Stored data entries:
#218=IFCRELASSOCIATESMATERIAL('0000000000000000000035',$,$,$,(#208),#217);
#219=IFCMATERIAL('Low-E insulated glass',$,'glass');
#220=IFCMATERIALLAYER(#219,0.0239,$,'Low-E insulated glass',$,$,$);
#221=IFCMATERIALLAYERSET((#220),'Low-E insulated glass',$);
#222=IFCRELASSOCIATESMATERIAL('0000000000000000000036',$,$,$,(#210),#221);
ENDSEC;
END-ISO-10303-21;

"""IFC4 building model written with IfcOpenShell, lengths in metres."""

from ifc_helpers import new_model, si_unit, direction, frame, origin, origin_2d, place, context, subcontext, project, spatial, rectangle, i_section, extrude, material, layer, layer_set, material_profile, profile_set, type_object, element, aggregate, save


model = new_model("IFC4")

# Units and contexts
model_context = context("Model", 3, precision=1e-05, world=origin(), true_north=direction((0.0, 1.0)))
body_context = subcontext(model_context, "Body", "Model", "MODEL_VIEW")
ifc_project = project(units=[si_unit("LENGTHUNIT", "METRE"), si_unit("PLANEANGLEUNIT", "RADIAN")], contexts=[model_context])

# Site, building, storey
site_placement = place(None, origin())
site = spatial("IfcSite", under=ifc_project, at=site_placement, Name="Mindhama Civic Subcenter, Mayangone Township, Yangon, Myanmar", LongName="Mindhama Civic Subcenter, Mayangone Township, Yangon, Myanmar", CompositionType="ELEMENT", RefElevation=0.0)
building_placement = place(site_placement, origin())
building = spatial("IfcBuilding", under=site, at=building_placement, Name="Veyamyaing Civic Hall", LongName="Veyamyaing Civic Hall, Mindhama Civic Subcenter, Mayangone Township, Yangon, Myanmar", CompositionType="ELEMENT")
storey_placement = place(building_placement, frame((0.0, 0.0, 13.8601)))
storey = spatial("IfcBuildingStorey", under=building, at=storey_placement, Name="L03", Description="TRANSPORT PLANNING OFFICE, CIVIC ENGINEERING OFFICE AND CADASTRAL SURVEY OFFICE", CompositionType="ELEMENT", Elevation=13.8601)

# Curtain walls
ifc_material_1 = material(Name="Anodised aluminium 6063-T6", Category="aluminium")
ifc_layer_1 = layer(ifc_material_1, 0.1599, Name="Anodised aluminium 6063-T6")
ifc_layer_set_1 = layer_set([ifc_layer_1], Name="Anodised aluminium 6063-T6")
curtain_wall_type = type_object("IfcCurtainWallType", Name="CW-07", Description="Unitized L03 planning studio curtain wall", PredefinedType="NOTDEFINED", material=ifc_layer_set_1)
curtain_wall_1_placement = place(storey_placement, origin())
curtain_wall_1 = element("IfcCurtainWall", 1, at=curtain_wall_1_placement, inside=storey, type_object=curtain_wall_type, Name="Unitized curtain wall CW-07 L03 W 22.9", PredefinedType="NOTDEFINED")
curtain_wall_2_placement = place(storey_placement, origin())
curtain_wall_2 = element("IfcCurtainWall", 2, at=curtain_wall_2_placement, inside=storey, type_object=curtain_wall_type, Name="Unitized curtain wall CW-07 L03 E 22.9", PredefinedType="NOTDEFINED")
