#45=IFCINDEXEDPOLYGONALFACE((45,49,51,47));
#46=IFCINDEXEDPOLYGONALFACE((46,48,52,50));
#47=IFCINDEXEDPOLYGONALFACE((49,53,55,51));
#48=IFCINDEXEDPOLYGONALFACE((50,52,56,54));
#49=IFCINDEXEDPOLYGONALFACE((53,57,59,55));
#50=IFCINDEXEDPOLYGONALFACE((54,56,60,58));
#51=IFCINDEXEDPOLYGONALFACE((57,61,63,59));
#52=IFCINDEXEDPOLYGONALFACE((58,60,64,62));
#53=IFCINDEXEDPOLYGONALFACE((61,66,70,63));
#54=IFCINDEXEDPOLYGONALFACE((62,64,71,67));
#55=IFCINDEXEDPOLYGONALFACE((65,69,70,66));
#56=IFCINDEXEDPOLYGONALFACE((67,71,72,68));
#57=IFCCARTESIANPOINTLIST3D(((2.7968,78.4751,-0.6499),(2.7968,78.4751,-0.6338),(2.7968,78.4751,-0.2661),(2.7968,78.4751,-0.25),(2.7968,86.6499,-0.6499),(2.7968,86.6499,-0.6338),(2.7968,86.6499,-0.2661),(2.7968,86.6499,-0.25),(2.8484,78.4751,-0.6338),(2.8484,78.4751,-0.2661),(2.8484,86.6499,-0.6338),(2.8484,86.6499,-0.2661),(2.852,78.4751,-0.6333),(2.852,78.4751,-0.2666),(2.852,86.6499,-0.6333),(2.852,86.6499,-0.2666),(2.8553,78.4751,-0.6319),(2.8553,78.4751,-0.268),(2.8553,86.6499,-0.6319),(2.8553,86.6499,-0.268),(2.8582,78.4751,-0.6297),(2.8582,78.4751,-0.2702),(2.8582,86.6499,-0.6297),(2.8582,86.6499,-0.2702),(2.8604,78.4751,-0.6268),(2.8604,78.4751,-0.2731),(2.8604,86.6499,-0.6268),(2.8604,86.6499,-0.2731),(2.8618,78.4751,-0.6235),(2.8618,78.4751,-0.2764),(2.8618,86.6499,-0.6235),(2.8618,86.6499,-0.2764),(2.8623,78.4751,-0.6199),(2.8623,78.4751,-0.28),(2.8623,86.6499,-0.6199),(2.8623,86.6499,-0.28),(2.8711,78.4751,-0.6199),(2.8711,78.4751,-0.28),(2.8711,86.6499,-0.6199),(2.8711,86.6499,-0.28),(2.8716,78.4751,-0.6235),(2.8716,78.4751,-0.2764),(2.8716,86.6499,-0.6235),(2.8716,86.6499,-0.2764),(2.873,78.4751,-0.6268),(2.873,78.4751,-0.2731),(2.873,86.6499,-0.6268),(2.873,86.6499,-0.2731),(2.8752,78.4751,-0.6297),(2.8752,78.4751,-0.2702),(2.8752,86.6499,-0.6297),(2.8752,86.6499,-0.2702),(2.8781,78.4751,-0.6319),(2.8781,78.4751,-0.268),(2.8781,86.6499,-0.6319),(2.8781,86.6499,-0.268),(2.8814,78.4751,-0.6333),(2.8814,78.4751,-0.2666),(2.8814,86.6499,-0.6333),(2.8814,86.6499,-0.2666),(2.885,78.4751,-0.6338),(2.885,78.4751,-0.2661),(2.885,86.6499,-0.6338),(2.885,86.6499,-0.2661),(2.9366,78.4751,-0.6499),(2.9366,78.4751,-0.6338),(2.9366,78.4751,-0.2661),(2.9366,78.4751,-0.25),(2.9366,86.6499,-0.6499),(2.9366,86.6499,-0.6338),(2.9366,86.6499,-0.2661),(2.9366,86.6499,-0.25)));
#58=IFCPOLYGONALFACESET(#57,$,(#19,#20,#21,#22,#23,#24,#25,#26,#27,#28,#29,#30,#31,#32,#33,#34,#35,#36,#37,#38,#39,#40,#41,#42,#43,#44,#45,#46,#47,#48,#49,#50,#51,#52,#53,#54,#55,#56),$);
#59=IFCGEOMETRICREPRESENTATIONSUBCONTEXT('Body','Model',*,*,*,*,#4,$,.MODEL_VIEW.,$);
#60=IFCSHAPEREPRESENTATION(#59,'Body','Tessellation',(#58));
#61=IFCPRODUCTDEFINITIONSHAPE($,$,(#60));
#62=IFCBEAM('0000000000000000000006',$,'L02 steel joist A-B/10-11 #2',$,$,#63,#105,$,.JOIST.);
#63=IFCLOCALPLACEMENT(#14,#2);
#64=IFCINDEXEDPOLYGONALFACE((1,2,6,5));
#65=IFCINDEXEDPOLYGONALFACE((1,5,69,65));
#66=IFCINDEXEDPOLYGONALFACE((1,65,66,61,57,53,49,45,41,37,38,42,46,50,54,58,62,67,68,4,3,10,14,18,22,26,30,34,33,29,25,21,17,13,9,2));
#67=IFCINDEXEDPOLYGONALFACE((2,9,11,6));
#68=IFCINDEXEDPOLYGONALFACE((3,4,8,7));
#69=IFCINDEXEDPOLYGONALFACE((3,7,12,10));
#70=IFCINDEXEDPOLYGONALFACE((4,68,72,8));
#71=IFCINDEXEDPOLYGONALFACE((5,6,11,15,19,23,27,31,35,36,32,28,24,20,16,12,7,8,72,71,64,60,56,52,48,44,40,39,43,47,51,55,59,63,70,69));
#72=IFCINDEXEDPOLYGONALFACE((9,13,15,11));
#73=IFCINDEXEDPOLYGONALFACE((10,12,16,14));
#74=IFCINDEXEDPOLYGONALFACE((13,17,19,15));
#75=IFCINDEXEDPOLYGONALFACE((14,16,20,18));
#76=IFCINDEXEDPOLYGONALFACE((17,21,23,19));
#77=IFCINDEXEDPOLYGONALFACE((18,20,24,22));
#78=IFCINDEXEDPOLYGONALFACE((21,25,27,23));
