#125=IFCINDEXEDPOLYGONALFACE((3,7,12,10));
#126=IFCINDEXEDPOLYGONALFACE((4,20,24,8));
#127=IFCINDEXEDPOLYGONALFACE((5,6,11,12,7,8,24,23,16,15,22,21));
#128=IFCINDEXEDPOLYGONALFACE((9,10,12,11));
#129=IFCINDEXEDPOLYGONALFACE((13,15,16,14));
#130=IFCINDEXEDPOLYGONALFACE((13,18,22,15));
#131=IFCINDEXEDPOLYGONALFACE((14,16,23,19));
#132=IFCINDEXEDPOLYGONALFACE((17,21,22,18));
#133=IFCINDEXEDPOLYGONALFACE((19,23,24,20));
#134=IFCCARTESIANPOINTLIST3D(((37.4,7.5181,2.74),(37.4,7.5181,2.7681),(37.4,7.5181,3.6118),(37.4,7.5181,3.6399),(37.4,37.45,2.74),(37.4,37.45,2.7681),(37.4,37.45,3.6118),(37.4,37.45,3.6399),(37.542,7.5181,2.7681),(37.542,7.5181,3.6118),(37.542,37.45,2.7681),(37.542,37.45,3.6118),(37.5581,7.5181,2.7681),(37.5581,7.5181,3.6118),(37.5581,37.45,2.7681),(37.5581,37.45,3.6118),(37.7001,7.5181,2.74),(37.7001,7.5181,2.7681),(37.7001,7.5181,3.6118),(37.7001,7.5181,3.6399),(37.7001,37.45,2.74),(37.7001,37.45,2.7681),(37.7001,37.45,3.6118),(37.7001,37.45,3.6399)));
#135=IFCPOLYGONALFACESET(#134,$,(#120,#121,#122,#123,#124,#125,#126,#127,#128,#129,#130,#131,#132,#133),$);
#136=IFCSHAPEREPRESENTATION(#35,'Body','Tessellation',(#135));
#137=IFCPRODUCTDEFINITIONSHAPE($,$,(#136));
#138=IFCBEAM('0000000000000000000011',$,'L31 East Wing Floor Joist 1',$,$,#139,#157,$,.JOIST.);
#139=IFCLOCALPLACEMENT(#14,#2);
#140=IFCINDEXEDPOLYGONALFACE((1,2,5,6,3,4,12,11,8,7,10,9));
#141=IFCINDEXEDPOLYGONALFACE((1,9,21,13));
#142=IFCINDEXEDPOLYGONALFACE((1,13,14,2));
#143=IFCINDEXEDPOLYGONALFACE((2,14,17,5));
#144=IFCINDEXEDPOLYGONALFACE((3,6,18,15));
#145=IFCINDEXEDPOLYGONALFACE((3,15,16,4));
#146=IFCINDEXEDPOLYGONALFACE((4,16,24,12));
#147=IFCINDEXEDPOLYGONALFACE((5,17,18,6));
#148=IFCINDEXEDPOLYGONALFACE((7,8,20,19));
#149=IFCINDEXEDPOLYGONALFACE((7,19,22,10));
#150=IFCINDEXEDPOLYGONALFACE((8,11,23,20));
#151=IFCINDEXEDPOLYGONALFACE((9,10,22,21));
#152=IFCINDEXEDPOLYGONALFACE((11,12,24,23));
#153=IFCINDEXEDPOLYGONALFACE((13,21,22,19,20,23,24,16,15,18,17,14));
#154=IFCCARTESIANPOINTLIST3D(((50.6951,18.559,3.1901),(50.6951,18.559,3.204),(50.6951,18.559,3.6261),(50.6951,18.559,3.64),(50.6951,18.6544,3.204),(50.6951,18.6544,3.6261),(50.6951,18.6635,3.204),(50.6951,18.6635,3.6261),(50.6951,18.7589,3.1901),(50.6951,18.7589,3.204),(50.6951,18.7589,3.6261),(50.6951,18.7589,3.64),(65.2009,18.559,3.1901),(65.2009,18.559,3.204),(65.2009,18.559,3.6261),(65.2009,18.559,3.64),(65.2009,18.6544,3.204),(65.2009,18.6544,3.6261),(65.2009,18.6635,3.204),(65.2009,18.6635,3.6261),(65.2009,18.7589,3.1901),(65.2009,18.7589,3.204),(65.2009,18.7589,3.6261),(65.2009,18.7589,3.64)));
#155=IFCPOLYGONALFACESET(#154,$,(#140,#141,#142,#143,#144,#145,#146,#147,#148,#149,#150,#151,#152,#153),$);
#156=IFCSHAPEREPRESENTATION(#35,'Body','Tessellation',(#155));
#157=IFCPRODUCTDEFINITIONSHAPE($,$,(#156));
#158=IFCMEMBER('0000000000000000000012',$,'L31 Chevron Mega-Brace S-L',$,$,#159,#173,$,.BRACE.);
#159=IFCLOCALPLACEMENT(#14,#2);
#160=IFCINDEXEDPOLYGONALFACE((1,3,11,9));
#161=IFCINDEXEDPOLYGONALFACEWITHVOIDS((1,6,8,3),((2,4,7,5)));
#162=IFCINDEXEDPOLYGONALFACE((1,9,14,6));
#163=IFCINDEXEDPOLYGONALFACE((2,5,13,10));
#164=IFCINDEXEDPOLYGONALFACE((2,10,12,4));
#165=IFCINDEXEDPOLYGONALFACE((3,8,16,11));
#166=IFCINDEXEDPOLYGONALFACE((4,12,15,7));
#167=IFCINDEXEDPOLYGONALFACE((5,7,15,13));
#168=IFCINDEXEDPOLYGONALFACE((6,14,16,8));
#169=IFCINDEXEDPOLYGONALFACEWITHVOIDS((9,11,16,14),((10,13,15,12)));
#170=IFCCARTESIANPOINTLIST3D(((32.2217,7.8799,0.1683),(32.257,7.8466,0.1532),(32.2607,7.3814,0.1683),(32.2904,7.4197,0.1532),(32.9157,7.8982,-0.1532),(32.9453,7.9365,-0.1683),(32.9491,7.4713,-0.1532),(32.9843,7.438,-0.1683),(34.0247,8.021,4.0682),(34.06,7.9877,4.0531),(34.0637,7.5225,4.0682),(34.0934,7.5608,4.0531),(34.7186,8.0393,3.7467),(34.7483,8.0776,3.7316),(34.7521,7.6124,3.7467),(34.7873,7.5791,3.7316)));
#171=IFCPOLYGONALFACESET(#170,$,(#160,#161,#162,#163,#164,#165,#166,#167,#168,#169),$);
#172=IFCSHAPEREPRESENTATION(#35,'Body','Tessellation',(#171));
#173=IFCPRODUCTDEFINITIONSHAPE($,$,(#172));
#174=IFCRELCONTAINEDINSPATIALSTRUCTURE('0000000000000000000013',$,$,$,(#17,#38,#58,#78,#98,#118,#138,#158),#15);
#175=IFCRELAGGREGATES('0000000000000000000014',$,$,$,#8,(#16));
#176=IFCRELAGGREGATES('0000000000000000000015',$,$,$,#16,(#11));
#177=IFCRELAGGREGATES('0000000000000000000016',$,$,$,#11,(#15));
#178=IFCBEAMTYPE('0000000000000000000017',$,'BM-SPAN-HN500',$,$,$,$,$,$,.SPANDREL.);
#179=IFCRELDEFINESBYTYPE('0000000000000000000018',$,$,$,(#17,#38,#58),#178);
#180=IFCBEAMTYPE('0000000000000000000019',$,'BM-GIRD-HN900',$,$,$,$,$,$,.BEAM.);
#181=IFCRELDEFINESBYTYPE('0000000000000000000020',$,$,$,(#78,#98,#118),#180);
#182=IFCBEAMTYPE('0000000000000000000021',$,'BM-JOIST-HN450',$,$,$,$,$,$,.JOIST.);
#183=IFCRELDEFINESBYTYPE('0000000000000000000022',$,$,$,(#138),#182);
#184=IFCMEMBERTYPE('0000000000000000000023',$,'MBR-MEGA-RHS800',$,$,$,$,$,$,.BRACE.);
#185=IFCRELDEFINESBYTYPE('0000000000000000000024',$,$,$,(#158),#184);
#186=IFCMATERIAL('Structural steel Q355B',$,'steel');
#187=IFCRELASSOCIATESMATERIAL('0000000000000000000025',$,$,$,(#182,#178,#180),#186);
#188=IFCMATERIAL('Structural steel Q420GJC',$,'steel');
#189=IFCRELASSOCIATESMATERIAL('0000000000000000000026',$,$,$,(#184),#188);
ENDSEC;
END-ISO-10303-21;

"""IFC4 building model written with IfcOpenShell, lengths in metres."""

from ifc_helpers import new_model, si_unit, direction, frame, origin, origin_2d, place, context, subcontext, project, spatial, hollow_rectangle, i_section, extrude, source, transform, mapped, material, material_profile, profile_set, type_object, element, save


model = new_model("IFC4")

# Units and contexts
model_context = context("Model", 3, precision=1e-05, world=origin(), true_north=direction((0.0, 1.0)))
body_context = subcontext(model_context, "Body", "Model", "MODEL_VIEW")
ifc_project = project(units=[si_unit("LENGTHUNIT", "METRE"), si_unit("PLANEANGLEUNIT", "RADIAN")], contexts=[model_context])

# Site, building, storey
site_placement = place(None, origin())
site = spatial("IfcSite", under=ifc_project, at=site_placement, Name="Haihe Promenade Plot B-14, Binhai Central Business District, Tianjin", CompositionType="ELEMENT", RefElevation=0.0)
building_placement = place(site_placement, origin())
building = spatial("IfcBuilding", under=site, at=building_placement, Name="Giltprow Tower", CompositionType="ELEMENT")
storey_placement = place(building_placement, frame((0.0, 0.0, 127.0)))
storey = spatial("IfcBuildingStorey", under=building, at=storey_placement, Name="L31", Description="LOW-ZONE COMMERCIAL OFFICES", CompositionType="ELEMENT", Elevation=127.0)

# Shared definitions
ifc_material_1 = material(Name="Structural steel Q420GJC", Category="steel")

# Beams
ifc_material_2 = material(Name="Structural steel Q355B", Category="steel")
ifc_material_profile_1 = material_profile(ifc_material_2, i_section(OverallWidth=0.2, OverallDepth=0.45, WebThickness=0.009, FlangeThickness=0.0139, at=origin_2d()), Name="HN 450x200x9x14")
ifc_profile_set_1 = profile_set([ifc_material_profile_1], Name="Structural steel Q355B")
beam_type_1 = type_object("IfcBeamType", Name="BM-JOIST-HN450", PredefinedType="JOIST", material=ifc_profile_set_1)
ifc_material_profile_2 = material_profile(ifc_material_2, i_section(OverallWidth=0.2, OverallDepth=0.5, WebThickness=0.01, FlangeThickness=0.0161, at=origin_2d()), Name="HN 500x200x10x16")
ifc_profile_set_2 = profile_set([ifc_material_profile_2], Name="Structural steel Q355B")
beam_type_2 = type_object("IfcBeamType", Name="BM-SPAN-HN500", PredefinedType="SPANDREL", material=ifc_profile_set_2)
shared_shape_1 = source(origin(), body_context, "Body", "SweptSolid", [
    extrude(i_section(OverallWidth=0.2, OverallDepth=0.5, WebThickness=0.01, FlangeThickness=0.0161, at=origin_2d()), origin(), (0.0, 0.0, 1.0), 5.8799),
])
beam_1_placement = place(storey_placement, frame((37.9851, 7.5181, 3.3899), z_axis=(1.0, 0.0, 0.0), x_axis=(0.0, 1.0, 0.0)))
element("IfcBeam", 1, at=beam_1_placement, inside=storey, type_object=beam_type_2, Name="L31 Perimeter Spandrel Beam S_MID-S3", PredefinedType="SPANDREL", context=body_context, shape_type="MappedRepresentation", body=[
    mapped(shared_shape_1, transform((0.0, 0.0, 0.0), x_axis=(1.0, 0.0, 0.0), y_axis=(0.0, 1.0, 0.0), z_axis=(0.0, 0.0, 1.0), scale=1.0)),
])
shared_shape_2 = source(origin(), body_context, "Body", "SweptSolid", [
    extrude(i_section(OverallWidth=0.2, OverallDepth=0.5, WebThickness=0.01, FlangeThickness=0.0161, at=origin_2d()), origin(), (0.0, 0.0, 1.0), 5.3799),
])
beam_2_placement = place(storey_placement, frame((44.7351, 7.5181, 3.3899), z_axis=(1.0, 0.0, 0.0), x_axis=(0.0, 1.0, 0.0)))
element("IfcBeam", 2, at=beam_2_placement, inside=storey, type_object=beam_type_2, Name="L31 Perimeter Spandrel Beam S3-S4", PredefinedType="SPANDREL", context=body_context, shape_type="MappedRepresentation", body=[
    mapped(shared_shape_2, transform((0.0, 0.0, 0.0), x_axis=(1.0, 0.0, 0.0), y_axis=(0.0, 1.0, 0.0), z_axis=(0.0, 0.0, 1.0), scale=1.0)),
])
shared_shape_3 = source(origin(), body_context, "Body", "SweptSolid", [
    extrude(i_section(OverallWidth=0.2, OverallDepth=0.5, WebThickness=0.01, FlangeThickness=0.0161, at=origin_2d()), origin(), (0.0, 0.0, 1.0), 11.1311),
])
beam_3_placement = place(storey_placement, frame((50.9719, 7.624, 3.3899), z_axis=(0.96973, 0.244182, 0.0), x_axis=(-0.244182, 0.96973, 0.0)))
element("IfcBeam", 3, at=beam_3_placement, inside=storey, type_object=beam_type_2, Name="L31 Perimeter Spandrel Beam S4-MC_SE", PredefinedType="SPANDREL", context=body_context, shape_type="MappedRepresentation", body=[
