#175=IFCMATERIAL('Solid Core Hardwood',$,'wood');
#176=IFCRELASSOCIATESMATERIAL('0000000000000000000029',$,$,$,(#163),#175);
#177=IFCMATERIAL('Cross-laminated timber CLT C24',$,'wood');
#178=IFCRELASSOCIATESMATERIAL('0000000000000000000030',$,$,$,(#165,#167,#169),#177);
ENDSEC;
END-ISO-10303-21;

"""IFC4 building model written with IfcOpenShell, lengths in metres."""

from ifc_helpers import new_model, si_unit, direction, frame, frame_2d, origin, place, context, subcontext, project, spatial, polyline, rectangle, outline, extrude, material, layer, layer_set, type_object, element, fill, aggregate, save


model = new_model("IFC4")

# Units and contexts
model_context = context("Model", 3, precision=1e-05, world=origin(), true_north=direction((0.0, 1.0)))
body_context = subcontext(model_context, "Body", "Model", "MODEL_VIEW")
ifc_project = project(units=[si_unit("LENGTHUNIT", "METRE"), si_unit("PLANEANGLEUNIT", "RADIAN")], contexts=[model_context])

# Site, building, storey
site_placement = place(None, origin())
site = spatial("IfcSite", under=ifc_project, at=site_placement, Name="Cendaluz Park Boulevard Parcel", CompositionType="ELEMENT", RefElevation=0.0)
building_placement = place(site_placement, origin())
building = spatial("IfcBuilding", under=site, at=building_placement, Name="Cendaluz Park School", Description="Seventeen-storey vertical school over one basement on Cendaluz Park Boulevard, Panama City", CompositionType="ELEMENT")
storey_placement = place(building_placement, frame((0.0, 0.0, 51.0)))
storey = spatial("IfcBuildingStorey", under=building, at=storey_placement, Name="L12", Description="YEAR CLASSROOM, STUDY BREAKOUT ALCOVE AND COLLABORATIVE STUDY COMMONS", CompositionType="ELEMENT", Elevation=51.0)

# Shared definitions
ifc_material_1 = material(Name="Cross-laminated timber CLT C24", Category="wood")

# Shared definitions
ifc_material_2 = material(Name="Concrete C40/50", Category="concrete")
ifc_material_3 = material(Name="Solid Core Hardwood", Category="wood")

> [WORK ITEM]:
Please give back, exactly as it stands above, the stretch from the line with "#166=IFCINDEXEDPOLYGONALFACE((4,12,15,7));" through the line with "#188=IFCMATERIAL('Structural steel Q420GJC',$,'steel');", and no line outside it.

> [OUTPUT FOR THIS TASK]:
#166=IFCINDEXEDPOLYGONALFACE((4,12,15,7));
#167=IFCINDEXEDPOLYGONALFACE((5,7,15,13));
#168=IFCINDEXEDPOLYGONALFACE((6,14,16,8));
#169=IFCINDEXEDPOLYGONALFACEWITHVOIDS((9,11,16,14),((10,13,15,12)));
#170=IFCCARTESIANPOINTLIST3D(((32.2217,7.8799,0.1683),(32.257,7.8466,0.1532),(32.2607,7.3814,0.1683),(32.2904,7.4197,0.1532),(32.9157,7.8982,-0.1532),(32.9453,7.9365,-0.1683),(32.9491,7.4713,-0.1532),(32.9843,7.438,-0.1683),(34.0247,8.021,4.0682),(34.06,7.9877,4.0531),(34.0637,7.5225,4.0682),(34.0934,7.5608,4.0531),(34.7186,8.0393,3.7467),(34.7483,8.0776,3.7316),(34.7521,7.6124,3.7467),(34.7873,7.5791,3.7316)));
#171=IFCPOLYGONALFACESET(#170,$,(#160,#161,#162,#163,#164,#165,#166,#167,#168,#169),$);
#172=IFCSHAPEREPRESENTATION(#35,'Body','Tessellation',(#171));
#173=IFCPRODUCTDEFINITIONSHAPE($,$,(#172));
#174=IFCRELCONTAINEDINSPATIALSTRUCTURE('0000000000000000000013',$,$,$,(#17,#38,#58,#78,#98,#118,#138,#158),#15);
#175=IFCRELAGGREGATES('0000000000000000000014',$,$,$,#8,(#16));
#176=IFCRELAGGREGATES('0000000000000000000015',$,$,$,#16,(#11));
#177=IFCRELAGGREGATES('0000000000000000000016',$,$,$,#11,(#15));
#178=IFCBEAMTYPE('0000000000000000000017',$,'BM-SPAN-HN500',$,$,$,$,$,$,.SPANDREL.);
#179=IFCRELDEFINESBYTYPE('0000000000000000000018',$,$,$,(#17,#38,#58),#178);
#180=IFCBEAMTYPE('0000000000000000000019',$,'BM-GIRD-HN900',$,$,$,$,$,$,.BEAM.);
#181=IFCRELDEFINESBYTYPE('0000000000000000000020',$,$,$,(#78,#98,#118),#180);
#182=IFCBEAMTYPE('0000000000000000000021',$,'BM-JOIST-HN450',$,$,$,$,$,$,.JOIST.);
#183=IFCRELDEFINESBYTYPE('0000000000000000000022',$,$,$,(#138),#182);
#184=IFCMEMBERTYPE('0000000000000000000023',$,'MBR-MEGA-RHS800',$,$,$,$,$,$,.BRACE.);
#185=IFCRELDEFINESBYTYPE('0000000000000000000024',$,$,$,(#158),#184);
#186=IFCMATERIAL('Structural steel Q355B',$,'steel');
#187=IFCRELASSOCIATESMATERIAL('0000000000000000000025',$,$,$,(#182,#178,#180),#186);
#188=IFCMATERIAL('Structural steel Q420GJC',$,'steel');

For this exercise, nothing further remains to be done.